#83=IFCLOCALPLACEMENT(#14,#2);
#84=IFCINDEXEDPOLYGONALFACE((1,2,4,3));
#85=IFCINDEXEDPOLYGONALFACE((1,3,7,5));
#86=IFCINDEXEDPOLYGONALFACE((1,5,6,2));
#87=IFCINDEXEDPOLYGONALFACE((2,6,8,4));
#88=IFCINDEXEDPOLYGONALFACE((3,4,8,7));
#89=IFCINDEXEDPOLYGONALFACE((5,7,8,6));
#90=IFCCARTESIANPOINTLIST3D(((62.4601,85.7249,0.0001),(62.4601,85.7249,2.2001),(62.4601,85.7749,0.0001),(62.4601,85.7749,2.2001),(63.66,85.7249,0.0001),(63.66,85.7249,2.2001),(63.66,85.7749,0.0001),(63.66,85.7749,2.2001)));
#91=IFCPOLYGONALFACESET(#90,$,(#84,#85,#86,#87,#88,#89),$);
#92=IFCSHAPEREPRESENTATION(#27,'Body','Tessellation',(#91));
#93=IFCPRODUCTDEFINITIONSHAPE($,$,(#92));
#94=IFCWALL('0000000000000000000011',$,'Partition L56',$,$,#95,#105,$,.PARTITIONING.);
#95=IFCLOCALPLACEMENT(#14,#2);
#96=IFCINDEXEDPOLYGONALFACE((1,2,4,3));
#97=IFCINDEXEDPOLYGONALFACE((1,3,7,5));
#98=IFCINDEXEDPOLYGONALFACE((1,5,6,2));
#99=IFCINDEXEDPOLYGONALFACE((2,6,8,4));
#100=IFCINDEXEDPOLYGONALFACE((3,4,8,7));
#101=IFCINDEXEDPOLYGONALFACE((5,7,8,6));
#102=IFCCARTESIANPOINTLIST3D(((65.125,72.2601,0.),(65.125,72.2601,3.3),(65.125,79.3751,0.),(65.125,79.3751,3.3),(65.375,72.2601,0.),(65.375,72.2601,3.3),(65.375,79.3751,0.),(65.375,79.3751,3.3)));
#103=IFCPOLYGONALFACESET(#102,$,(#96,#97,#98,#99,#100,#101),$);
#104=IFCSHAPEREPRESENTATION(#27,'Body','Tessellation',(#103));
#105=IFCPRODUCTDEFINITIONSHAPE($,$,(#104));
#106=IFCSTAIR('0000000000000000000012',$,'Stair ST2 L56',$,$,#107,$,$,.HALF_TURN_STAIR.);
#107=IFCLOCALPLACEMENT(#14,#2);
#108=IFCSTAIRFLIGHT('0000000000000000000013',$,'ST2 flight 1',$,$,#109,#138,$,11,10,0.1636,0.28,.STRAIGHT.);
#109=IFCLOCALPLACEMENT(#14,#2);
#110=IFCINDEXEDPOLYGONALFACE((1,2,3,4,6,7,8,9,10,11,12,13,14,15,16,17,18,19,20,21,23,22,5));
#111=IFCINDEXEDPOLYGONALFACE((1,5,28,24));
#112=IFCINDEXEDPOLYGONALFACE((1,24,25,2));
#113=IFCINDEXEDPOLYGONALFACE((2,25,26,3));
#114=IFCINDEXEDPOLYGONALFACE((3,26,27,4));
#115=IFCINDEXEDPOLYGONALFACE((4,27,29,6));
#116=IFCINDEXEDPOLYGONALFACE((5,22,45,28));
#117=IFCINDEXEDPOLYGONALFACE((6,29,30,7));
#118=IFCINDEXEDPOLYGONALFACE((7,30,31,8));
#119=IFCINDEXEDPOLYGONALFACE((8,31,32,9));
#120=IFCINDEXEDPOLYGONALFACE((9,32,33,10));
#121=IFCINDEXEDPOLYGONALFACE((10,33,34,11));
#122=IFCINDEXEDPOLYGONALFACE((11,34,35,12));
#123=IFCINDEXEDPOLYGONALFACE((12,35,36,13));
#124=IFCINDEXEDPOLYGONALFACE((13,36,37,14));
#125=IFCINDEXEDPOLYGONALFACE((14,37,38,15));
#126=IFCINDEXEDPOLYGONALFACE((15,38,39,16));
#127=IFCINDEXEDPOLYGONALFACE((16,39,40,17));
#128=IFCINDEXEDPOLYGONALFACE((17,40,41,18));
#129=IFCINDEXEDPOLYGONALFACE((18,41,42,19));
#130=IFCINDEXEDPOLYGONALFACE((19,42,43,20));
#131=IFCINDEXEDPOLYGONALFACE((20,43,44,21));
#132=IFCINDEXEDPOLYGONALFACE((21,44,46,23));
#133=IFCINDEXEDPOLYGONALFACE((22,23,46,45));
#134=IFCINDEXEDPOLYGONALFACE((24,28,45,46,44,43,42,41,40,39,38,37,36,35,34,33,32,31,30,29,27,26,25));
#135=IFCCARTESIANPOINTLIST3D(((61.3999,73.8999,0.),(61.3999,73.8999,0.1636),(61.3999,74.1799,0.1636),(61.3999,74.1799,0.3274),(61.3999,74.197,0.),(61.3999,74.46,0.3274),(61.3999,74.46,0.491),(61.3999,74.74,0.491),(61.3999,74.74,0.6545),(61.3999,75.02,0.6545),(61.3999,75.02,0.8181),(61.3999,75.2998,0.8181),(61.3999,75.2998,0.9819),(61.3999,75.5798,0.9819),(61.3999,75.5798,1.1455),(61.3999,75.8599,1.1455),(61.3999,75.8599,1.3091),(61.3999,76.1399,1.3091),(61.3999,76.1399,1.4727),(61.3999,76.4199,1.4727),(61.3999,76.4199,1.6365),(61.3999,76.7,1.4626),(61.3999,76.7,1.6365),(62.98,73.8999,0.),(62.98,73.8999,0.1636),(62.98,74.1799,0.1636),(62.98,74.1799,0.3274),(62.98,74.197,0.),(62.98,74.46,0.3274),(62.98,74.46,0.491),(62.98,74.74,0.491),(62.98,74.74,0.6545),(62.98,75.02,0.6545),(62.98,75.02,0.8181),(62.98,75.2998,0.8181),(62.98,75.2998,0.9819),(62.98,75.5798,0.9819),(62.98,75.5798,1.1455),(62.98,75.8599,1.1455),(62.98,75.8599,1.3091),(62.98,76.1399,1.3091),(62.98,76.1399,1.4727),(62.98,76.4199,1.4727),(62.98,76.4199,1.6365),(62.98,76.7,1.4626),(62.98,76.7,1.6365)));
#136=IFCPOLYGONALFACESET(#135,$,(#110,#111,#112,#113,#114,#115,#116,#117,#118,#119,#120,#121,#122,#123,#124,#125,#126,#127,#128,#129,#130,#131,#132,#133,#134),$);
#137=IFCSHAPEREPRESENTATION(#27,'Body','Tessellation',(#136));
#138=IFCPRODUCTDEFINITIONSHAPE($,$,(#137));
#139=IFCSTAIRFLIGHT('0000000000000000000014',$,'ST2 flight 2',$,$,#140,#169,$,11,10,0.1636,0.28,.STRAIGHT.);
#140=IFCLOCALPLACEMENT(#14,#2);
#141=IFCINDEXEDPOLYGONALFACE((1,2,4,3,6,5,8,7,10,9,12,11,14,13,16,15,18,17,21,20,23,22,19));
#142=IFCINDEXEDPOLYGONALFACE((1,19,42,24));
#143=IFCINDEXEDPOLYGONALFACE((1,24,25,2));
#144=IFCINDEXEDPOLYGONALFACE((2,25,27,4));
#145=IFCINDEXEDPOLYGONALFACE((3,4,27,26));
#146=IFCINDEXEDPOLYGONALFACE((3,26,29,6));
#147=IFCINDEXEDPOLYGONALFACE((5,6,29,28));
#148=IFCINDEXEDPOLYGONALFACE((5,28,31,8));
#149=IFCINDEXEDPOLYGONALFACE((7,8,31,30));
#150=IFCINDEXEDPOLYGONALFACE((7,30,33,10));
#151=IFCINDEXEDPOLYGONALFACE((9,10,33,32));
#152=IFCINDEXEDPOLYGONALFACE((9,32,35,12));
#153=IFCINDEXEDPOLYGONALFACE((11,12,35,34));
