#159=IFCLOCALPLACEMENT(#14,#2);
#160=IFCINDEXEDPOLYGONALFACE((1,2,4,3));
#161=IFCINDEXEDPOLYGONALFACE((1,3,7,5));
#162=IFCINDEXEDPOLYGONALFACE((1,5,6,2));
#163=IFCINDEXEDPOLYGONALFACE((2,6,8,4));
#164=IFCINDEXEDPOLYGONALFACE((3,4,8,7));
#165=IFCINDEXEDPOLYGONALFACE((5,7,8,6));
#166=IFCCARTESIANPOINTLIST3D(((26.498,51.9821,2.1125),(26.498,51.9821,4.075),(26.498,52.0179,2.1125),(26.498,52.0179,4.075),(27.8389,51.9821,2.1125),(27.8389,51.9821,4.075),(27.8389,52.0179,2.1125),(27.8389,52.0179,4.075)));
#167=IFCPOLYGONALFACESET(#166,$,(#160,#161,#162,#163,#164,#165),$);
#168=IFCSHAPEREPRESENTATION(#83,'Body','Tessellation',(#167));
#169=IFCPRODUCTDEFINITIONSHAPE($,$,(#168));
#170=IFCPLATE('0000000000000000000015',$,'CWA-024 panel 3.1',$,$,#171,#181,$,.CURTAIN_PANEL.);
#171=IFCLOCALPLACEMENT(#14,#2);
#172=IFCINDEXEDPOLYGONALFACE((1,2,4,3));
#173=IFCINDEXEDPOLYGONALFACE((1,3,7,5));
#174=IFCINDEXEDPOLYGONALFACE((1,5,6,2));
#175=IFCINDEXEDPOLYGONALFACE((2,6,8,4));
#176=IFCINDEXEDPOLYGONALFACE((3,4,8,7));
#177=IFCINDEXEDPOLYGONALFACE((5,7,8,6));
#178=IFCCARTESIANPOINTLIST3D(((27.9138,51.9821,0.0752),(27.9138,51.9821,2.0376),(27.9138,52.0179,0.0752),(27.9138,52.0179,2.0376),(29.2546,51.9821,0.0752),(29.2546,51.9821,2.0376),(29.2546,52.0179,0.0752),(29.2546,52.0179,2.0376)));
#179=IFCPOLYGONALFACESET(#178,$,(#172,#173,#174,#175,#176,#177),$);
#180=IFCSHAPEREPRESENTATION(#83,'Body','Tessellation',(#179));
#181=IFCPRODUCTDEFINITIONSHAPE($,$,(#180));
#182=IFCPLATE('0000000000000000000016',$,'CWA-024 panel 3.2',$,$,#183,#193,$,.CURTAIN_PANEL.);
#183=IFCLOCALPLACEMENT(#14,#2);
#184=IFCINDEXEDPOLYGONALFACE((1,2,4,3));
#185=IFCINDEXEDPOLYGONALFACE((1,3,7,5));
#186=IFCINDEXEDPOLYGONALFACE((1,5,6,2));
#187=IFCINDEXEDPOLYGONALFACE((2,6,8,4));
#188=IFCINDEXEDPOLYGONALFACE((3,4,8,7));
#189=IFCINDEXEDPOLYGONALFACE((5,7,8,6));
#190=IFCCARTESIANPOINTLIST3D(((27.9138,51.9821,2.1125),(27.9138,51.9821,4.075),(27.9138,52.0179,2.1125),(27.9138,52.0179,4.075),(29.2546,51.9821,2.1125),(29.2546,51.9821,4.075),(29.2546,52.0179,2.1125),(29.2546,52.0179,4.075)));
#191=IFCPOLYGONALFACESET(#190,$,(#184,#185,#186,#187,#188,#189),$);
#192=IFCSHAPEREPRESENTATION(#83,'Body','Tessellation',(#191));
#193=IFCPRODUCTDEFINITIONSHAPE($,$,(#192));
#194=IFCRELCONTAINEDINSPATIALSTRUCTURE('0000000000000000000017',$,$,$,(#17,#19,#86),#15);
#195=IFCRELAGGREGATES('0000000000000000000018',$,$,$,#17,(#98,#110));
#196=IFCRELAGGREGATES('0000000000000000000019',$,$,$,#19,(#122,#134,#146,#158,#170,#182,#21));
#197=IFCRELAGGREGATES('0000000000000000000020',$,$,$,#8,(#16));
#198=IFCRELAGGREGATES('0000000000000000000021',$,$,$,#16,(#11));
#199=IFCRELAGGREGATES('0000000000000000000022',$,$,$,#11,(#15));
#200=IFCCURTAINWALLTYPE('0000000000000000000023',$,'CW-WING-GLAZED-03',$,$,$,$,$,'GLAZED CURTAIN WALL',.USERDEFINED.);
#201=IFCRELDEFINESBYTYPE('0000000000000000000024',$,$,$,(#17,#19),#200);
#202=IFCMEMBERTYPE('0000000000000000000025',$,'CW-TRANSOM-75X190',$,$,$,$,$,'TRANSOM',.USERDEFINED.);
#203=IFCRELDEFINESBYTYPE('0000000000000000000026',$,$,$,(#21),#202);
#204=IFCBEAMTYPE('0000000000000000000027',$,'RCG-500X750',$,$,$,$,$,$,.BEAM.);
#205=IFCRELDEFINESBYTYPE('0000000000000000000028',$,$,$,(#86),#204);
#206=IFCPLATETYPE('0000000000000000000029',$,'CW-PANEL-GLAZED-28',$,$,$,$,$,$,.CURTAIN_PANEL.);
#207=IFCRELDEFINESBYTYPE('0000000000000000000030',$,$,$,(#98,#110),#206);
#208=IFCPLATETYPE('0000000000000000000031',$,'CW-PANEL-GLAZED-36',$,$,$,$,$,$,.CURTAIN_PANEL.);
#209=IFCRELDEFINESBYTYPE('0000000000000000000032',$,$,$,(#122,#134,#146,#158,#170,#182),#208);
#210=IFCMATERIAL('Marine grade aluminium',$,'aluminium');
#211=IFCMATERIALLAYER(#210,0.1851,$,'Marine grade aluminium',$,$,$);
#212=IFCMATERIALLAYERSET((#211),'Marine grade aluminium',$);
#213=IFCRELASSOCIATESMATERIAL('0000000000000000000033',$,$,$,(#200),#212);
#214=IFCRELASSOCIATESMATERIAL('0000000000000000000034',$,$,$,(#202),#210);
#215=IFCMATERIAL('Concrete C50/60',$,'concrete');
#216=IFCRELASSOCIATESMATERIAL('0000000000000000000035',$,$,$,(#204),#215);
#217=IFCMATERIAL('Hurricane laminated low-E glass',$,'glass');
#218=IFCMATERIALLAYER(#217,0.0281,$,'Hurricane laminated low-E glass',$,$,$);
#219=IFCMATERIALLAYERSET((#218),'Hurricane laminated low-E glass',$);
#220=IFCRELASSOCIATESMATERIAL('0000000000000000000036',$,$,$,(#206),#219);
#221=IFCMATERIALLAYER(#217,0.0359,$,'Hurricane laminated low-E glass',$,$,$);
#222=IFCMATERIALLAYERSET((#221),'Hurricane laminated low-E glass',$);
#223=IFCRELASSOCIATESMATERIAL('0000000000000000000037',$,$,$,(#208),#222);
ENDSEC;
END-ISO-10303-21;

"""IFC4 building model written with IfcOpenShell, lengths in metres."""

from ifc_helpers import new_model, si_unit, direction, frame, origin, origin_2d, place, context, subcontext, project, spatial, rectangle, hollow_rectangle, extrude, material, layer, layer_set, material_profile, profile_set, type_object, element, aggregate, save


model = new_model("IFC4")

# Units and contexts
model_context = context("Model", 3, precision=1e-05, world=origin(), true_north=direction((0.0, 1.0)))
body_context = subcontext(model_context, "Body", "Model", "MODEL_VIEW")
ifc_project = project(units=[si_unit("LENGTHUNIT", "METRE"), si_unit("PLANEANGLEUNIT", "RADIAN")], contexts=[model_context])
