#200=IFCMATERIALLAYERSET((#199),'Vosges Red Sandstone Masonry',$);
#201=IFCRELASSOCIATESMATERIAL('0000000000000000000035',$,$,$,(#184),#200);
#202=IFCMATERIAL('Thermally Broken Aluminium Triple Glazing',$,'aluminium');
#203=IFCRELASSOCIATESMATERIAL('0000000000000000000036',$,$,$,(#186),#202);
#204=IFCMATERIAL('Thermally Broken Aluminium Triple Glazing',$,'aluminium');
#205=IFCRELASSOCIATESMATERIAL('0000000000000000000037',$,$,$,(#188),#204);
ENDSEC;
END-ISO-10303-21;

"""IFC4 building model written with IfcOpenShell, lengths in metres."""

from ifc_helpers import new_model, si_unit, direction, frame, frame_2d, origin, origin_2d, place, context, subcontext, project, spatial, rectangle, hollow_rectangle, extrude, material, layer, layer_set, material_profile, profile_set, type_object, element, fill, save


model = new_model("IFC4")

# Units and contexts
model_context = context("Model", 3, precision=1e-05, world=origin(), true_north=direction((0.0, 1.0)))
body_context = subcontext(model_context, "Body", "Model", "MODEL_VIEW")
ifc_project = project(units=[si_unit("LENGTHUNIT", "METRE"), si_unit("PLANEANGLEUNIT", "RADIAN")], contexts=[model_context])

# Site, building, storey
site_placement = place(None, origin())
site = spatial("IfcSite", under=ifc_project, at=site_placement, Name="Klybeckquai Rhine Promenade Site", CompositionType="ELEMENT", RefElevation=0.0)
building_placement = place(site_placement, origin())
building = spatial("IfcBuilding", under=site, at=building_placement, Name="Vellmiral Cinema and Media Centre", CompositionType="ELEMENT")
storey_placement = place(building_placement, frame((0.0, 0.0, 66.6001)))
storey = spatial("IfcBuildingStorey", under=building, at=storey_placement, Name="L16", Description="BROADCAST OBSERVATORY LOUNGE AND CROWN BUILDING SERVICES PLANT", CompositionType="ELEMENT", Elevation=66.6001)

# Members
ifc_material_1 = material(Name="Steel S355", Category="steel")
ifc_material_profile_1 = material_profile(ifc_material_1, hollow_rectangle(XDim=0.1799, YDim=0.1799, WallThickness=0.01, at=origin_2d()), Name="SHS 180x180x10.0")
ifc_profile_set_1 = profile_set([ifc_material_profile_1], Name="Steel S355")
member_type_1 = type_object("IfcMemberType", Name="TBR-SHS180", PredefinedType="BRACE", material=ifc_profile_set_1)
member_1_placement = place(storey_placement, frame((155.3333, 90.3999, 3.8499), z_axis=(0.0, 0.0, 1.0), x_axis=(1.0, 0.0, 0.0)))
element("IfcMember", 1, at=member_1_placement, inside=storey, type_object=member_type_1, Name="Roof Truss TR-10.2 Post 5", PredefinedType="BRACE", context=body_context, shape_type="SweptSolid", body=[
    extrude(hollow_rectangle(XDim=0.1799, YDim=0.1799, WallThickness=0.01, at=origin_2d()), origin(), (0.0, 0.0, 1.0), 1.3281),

• **PROMPT**
Each line of the listing above that includes the word "BRACE" should be copied.

• **EXERCISE RESPONSE**
member_type_1 = type_object("IfcMemberType", Name="TBR-SHS180", PredefinedType="BRACE", material=ifc_profile_set_1)
element("IfcMember", 1, at=member_1_placement, inside=storey, type_object=member_type_1, Name="Roof Truss TR-10.2 Post 5", PredefinedType="BRACE", context=body_context, shape_type="SweptSolid", body=[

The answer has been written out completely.